[Saved data entries]
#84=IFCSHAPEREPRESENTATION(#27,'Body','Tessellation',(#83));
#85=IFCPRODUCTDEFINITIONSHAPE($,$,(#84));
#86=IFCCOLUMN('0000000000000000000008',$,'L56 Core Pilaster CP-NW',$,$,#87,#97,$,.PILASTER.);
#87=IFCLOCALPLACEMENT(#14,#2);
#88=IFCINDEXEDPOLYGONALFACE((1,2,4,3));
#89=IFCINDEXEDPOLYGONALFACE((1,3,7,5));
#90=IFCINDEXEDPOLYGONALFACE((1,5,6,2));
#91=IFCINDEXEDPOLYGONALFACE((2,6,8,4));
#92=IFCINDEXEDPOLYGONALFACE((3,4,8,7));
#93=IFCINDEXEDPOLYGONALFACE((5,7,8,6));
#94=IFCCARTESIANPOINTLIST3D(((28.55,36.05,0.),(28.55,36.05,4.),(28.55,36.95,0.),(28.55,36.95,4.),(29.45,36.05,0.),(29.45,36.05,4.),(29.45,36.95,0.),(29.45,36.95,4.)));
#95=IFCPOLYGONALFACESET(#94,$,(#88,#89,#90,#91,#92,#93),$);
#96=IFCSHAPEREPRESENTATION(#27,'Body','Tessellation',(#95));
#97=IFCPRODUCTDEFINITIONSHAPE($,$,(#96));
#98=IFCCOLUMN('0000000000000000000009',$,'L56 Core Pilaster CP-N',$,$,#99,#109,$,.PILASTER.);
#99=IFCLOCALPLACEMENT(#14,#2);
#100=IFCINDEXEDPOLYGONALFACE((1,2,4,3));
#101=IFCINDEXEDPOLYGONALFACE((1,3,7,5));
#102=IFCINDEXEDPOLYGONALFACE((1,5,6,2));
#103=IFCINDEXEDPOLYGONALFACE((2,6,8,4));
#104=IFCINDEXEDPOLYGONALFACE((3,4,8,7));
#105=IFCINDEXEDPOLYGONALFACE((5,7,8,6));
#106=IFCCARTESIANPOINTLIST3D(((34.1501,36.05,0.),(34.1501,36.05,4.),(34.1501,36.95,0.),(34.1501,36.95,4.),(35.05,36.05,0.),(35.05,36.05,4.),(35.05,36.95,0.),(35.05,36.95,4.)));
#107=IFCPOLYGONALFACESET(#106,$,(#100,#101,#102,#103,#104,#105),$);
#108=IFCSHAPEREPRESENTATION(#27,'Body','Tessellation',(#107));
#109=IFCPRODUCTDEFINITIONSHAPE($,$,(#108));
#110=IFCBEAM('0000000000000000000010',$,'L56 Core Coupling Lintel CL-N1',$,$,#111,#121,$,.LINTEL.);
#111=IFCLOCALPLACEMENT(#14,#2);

* * *

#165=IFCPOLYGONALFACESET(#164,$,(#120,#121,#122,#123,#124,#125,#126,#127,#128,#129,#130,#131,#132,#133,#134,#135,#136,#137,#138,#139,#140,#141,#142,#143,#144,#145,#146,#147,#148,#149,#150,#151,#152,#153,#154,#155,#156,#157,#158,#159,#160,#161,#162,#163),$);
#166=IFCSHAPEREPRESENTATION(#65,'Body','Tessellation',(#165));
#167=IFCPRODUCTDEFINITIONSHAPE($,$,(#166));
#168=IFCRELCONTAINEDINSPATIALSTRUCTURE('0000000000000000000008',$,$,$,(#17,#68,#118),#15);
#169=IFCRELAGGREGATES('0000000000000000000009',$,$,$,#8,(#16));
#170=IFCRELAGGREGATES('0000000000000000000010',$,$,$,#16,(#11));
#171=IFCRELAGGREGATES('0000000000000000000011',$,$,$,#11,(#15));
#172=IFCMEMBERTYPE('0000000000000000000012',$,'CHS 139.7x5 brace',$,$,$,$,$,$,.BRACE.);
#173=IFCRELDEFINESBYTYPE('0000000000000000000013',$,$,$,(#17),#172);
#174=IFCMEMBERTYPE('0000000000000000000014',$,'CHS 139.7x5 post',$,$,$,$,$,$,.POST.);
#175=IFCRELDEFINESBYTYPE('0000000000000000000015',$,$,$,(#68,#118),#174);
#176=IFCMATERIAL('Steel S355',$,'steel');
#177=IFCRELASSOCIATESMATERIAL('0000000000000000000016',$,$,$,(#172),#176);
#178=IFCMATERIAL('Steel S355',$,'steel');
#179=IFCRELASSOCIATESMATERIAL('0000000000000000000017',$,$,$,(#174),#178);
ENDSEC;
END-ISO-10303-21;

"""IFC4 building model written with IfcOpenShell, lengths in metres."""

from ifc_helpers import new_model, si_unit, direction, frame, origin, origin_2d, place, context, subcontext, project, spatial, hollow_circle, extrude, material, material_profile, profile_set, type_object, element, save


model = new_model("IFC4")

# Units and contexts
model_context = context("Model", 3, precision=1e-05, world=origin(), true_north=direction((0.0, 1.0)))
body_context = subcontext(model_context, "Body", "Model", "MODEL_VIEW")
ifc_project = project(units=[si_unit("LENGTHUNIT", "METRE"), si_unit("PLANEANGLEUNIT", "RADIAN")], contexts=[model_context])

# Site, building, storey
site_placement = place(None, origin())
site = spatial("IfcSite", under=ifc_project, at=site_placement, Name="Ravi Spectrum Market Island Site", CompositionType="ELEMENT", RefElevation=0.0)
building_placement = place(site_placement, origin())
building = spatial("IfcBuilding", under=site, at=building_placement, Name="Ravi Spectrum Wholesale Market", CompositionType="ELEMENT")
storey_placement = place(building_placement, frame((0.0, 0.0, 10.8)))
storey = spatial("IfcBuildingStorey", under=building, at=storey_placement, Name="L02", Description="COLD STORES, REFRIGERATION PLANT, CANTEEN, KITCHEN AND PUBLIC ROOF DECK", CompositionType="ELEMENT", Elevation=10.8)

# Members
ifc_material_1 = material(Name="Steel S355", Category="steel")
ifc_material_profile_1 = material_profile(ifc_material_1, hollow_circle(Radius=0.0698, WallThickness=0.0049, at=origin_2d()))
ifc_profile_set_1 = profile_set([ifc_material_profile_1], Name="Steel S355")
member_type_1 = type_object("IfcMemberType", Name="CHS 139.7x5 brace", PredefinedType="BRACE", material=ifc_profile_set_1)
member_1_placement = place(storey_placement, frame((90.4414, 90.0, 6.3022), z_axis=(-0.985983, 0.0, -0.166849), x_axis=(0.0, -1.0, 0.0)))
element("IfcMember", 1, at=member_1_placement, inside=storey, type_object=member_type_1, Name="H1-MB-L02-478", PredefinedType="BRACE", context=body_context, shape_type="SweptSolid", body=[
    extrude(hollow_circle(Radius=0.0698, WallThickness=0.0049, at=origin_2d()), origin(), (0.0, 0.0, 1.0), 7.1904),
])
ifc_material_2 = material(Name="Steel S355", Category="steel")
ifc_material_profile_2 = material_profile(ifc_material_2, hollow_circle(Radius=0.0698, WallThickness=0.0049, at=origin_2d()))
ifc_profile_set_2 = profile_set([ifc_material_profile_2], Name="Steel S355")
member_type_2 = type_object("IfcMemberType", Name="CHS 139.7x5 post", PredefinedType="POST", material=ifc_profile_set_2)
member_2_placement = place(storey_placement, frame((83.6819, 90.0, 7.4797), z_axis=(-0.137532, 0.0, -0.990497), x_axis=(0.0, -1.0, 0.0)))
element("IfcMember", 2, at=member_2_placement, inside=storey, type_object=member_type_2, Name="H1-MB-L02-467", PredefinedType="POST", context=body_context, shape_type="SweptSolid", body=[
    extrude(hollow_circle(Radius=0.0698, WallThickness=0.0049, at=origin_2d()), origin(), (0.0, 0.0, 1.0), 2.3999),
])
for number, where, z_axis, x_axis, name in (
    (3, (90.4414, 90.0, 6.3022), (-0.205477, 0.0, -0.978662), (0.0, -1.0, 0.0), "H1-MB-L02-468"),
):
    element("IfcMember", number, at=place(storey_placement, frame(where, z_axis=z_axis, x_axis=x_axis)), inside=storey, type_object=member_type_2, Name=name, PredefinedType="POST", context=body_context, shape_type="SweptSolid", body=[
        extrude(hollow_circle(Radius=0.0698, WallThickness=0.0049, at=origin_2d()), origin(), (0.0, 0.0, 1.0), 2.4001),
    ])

▶ **Task**
Copy the entries above exactly, but only from the line holding "END-ISO-10303-21;" through the line holding "building model written", both included.

▶ **Answer for this exercise**
END-ISO-10303-21;

"""IFC4 building model written with IfcOpenShell, lengths in metres."""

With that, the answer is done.